Problem to solve>
If a line of the data below holds the word "shapes", list it.

Records for the task>

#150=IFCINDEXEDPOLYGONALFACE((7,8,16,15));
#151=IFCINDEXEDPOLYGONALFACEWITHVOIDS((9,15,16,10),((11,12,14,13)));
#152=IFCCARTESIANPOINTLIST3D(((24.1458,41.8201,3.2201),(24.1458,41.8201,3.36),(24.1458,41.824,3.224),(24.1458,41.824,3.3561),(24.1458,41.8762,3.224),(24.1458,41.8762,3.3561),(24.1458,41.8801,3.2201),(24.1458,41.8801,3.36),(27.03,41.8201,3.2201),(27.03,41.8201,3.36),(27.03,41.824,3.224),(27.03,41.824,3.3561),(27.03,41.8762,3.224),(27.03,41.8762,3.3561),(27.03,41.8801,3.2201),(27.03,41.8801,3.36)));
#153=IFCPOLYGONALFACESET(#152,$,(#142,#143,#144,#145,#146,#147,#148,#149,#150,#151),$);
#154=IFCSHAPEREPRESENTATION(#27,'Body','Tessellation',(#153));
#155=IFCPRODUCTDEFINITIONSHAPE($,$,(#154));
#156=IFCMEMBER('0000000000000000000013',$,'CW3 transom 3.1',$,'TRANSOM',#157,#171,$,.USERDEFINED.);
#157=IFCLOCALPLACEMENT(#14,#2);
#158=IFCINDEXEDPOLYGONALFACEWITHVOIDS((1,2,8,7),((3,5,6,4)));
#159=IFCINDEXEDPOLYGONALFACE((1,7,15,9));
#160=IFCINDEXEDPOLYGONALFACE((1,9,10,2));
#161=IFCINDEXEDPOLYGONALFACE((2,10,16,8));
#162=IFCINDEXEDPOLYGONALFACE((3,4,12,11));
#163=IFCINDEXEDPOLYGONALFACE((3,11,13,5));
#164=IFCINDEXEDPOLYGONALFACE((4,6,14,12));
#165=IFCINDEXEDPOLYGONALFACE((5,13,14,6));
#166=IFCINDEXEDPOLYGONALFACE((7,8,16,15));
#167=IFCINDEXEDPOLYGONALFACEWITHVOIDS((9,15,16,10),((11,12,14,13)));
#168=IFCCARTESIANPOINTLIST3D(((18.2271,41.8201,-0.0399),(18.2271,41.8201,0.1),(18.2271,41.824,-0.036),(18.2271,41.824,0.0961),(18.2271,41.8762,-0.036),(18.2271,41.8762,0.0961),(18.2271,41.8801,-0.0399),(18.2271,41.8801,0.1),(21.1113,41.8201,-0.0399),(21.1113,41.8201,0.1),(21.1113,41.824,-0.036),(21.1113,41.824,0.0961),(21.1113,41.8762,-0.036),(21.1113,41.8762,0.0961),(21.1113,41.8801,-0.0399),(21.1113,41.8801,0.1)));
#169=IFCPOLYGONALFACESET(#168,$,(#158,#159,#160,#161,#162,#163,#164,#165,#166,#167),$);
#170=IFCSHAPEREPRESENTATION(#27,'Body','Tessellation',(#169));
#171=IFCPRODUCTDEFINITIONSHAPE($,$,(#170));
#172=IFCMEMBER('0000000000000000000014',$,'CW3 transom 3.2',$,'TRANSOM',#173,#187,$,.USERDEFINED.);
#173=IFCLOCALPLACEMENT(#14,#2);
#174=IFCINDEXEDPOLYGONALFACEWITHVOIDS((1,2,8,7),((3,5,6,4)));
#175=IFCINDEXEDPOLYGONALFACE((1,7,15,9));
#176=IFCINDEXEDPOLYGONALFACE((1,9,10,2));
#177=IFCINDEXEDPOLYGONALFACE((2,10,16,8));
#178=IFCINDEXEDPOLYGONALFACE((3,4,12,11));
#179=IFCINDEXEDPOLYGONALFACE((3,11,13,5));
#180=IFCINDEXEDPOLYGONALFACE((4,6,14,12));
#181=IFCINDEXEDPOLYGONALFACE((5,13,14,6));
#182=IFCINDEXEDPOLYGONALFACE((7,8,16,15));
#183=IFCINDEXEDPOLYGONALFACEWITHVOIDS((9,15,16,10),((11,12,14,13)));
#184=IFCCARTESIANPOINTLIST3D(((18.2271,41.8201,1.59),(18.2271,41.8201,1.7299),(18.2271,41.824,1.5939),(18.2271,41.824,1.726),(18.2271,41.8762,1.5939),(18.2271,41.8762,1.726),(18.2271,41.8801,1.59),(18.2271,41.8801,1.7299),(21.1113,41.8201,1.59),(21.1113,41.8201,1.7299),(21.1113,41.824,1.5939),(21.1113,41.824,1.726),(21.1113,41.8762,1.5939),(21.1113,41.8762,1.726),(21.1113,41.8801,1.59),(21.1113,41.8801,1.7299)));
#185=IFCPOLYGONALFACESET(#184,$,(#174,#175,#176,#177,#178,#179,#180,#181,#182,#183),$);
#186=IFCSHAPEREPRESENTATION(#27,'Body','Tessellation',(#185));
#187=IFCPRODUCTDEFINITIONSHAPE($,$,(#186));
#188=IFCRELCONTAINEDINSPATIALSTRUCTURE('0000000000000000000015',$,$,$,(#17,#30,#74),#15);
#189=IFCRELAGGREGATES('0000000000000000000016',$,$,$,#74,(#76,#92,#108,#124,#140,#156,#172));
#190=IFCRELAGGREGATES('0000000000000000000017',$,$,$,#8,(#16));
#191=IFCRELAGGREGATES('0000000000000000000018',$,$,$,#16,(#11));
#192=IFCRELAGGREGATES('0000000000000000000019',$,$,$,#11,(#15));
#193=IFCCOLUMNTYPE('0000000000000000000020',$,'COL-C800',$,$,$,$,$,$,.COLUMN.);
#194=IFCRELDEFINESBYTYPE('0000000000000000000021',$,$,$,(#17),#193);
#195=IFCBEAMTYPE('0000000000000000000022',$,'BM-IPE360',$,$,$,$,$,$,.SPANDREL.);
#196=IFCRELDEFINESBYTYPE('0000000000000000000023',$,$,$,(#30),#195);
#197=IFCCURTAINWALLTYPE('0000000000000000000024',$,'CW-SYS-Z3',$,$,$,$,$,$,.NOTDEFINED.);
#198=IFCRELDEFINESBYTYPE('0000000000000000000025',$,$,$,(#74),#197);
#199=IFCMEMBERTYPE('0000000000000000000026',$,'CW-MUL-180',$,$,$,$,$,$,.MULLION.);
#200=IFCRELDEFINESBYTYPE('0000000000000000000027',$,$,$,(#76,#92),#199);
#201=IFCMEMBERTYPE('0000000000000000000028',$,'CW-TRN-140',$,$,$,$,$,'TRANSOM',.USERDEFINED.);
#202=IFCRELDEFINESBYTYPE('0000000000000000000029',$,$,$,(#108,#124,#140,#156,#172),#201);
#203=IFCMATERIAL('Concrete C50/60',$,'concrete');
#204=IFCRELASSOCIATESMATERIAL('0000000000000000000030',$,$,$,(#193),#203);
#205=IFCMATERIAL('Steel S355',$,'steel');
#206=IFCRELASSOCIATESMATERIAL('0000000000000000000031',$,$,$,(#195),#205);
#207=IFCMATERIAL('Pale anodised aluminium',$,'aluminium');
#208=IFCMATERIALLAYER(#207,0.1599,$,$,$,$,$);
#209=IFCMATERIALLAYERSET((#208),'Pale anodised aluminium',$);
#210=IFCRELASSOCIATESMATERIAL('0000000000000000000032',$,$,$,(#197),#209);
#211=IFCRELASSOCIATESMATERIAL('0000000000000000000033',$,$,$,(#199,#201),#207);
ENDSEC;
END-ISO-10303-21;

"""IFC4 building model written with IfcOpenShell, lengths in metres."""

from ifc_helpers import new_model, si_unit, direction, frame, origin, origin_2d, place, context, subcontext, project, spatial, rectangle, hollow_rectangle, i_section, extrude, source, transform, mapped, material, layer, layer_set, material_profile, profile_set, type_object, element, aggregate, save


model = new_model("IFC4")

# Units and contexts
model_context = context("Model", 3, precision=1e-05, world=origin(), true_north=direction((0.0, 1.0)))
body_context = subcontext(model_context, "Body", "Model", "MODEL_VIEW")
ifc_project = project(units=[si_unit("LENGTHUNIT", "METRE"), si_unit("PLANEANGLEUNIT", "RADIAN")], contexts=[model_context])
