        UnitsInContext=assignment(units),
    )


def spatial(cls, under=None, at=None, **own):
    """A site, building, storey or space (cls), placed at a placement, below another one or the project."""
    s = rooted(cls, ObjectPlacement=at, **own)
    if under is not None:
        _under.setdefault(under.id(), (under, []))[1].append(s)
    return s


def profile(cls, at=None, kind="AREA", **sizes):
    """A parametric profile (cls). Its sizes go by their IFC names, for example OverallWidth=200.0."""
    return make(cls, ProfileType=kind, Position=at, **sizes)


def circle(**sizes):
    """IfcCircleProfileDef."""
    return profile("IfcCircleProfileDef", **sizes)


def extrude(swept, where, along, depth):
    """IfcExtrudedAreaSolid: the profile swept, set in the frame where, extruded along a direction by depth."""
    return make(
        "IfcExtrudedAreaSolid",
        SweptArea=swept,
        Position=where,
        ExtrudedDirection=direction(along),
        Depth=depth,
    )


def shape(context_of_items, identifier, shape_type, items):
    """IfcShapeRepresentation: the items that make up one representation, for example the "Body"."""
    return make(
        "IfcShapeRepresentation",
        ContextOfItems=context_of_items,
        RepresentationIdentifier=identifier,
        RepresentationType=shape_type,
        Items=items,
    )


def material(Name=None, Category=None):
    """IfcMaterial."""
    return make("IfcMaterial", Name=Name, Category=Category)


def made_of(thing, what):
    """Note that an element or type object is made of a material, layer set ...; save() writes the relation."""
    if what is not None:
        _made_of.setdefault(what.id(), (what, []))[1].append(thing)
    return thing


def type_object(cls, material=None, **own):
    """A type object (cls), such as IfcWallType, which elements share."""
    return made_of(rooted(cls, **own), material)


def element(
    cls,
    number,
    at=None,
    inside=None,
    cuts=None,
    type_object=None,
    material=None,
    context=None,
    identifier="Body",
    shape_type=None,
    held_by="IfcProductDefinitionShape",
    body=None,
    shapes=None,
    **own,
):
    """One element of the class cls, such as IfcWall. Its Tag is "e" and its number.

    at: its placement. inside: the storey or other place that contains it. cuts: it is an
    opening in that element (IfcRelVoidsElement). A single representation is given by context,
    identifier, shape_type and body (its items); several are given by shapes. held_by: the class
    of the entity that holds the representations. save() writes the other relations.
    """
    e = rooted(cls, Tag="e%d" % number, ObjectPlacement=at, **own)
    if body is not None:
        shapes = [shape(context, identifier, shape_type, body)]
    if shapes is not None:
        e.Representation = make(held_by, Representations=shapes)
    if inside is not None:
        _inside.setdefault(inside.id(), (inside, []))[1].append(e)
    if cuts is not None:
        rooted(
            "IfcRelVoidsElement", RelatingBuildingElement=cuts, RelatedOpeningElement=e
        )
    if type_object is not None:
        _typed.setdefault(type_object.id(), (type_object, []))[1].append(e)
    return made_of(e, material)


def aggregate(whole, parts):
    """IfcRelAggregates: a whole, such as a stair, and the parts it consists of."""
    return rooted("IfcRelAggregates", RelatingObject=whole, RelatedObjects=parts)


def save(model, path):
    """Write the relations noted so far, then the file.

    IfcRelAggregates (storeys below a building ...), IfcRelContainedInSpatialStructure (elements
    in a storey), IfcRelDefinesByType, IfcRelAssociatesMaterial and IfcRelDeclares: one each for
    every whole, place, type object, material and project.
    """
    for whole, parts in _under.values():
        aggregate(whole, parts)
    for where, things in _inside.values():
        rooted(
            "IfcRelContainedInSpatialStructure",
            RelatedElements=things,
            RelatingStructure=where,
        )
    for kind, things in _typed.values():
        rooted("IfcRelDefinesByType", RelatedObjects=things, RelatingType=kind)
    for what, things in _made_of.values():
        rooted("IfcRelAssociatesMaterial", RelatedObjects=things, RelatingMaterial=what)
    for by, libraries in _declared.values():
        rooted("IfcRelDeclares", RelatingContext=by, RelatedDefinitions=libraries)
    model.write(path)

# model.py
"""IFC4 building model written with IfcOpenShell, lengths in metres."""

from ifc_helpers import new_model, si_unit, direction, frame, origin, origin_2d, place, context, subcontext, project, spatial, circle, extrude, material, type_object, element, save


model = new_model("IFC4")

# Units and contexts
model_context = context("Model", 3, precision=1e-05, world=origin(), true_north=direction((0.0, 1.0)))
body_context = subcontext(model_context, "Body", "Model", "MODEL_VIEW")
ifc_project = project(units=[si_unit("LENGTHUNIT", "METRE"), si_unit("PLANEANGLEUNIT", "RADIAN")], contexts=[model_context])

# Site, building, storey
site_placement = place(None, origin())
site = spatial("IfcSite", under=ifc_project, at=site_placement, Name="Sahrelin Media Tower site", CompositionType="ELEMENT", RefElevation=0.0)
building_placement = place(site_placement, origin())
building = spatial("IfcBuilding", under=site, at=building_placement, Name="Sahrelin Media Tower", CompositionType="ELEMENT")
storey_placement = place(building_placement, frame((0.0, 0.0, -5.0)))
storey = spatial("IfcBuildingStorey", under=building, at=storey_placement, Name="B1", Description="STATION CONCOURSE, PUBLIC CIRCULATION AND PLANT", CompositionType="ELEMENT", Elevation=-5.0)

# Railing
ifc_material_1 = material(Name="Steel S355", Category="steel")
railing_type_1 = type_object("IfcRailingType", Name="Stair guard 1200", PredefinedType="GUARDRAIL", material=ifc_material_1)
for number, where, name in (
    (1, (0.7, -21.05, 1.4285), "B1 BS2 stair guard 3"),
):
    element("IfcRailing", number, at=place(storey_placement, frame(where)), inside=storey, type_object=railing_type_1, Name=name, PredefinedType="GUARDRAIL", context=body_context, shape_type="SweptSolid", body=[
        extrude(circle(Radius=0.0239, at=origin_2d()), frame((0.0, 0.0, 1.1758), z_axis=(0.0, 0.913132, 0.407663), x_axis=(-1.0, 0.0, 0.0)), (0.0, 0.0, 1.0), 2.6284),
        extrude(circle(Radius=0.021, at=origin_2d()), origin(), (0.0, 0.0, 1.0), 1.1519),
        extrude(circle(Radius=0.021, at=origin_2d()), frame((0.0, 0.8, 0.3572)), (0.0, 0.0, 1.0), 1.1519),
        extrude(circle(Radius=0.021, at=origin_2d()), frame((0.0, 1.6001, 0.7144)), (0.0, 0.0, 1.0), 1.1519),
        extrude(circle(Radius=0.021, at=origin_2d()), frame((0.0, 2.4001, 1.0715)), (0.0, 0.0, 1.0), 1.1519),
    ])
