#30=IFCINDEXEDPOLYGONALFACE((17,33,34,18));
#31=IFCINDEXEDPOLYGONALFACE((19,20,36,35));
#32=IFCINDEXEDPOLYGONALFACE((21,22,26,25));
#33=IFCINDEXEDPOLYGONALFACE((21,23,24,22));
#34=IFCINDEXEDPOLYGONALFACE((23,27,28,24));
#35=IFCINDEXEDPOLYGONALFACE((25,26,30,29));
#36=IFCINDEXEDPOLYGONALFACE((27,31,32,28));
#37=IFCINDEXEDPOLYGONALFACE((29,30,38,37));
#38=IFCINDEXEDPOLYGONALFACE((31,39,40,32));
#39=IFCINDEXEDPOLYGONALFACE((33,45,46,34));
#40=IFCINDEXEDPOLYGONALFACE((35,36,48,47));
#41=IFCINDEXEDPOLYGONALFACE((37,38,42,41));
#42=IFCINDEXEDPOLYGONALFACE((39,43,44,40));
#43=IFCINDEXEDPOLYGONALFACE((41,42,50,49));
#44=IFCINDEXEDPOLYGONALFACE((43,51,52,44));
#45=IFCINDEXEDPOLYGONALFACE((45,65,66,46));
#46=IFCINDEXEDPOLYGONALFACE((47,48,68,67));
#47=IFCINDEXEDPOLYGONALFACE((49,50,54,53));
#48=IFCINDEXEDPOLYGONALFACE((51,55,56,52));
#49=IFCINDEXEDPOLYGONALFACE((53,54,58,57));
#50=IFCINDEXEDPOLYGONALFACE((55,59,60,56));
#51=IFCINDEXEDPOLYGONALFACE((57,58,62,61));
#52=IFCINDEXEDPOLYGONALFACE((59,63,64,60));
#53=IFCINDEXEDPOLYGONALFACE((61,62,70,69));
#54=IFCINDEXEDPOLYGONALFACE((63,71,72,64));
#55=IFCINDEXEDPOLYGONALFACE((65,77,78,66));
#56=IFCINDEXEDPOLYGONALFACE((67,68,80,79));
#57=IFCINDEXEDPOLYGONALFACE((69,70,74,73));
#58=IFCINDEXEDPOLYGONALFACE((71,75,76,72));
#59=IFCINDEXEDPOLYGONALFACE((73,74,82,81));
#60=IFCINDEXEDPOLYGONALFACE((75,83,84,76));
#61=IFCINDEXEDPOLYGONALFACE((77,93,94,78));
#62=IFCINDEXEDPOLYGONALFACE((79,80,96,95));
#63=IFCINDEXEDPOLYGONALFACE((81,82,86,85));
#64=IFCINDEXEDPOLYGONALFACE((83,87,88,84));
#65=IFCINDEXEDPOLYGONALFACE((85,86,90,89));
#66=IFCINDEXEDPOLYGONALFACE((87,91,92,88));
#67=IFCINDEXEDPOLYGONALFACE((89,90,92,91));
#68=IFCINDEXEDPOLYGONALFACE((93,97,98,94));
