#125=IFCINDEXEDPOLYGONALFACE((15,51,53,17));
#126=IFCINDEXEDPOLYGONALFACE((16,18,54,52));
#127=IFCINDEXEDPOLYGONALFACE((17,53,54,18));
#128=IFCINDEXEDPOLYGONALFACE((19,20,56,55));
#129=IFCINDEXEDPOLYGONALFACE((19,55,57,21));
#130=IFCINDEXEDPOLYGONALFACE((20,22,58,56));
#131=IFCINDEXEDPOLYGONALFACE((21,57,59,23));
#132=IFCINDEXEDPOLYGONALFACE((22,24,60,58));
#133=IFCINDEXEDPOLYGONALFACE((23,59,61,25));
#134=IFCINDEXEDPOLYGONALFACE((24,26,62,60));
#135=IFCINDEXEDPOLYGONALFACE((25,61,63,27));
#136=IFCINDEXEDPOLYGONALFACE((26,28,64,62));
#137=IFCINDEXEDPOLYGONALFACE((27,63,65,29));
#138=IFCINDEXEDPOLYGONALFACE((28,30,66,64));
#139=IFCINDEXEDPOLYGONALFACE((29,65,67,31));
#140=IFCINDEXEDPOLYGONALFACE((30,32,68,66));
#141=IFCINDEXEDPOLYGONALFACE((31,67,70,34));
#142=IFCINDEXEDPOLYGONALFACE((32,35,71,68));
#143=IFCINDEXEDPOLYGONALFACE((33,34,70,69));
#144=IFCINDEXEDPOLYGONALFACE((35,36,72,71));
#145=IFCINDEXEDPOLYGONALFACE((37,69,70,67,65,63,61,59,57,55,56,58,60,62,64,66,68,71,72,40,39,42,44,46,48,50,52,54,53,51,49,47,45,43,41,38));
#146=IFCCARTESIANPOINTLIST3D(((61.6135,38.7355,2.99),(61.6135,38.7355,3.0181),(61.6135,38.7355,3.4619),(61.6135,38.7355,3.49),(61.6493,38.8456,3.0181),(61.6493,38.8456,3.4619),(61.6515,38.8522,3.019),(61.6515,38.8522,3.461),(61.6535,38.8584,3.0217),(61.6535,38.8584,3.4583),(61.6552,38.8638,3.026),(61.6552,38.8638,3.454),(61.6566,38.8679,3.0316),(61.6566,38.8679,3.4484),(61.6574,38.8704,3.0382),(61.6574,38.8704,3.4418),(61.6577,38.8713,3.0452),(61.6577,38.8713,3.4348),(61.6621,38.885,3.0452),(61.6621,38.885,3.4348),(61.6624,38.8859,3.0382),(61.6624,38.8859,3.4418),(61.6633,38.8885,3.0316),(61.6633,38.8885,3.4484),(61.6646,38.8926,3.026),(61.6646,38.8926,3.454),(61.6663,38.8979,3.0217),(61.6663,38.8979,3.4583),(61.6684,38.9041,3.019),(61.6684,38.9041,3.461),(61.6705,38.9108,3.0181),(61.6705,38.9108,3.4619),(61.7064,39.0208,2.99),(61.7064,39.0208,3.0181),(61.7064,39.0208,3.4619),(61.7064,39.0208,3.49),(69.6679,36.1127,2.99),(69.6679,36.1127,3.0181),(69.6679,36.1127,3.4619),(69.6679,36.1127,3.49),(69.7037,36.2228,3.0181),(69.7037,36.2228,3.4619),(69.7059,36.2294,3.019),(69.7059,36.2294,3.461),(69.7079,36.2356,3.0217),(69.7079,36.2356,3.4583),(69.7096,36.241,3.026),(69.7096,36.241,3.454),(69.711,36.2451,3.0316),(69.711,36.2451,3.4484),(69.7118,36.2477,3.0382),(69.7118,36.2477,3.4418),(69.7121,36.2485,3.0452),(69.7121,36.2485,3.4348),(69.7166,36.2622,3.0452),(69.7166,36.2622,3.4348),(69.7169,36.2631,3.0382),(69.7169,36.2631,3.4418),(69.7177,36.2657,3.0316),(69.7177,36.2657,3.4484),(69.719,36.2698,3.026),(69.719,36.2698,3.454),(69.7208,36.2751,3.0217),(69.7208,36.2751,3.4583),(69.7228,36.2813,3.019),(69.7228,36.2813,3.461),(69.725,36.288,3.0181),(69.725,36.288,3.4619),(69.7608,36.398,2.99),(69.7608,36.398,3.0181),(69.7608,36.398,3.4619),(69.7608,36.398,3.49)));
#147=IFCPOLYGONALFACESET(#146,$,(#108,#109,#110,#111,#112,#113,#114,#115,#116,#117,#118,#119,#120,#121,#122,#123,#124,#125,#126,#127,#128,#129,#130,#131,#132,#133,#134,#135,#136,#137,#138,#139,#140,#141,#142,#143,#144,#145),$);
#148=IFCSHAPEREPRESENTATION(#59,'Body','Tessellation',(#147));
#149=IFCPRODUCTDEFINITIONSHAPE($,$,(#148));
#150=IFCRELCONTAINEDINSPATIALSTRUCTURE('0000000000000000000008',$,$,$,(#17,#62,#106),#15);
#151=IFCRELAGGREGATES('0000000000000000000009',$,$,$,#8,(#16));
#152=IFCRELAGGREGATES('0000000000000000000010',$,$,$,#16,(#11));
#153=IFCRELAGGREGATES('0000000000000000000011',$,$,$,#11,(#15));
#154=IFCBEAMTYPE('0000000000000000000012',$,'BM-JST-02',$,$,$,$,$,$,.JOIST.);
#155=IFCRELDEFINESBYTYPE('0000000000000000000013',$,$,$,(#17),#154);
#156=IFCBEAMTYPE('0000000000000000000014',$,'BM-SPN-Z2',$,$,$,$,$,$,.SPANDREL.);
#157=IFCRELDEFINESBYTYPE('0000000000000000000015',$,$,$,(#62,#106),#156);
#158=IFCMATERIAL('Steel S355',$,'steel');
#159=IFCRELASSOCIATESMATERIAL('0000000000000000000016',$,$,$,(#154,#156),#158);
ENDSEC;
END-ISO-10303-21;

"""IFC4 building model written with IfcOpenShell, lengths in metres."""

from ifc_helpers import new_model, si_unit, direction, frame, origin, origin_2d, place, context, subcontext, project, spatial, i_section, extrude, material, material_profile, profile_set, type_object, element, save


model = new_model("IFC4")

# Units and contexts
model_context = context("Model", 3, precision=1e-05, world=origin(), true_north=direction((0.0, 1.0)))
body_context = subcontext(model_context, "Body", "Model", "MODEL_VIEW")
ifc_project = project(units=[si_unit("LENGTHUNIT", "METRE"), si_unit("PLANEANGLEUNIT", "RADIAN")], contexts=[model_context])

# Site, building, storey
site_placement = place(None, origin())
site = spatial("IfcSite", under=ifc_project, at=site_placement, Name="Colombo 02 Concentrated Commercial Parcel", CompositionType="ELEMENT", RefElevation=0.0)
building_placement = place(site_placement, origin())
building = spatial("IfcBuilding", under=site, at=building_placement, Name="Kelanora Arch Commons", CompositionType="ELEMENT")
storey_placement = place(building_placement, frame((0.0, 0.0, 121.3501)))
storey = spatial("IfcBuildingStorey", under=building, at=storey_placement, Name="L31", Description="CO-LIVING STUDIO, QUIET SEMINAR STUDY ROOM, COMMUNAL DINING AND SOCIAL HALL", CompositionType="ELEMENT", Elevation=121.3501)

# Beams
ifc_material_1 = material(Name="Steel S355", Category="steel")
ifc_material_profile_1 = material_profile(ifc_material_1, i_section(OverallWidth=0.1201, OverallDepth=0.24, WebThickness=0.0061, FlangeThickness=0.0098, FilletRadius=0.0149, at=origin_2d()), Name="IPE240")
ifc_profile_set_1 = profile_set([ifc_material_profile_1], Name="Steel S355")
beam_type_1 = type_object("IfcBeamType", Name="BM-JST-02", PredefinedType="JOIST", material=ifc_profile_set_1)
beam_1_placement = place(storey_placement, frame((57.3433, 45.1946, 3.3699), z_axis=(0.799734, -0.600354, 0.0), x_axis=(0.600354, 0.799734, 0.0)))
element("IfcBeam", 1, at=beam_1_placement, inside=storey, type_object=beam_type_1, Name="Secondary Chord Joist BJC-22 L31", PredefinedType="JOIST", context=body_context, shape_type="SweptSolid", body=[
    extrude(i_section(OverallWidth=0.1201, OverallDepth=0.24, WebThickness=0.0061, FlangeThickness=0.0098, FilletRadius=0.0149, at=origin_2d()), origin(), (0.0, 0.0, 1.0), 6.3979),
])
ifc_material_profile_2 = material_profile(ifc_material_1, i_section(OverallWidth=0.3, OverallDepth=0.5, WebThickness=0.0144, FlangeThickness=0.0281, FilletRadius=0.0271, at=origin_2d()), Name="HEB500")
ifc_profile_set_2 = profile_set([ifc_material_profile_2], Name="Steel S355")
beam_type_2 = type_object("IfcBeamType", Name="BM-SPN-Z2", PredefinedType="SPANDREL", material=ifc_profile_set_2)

Response>
    shapes=None,
    identifier, shape_type and body (its items); several are given by shapes. held_by: the class
        shapes = [shape(context, identifier, shape_type, body)]
    if shapes is not None:
        e.Representation = make(held_by, Representations=shapes)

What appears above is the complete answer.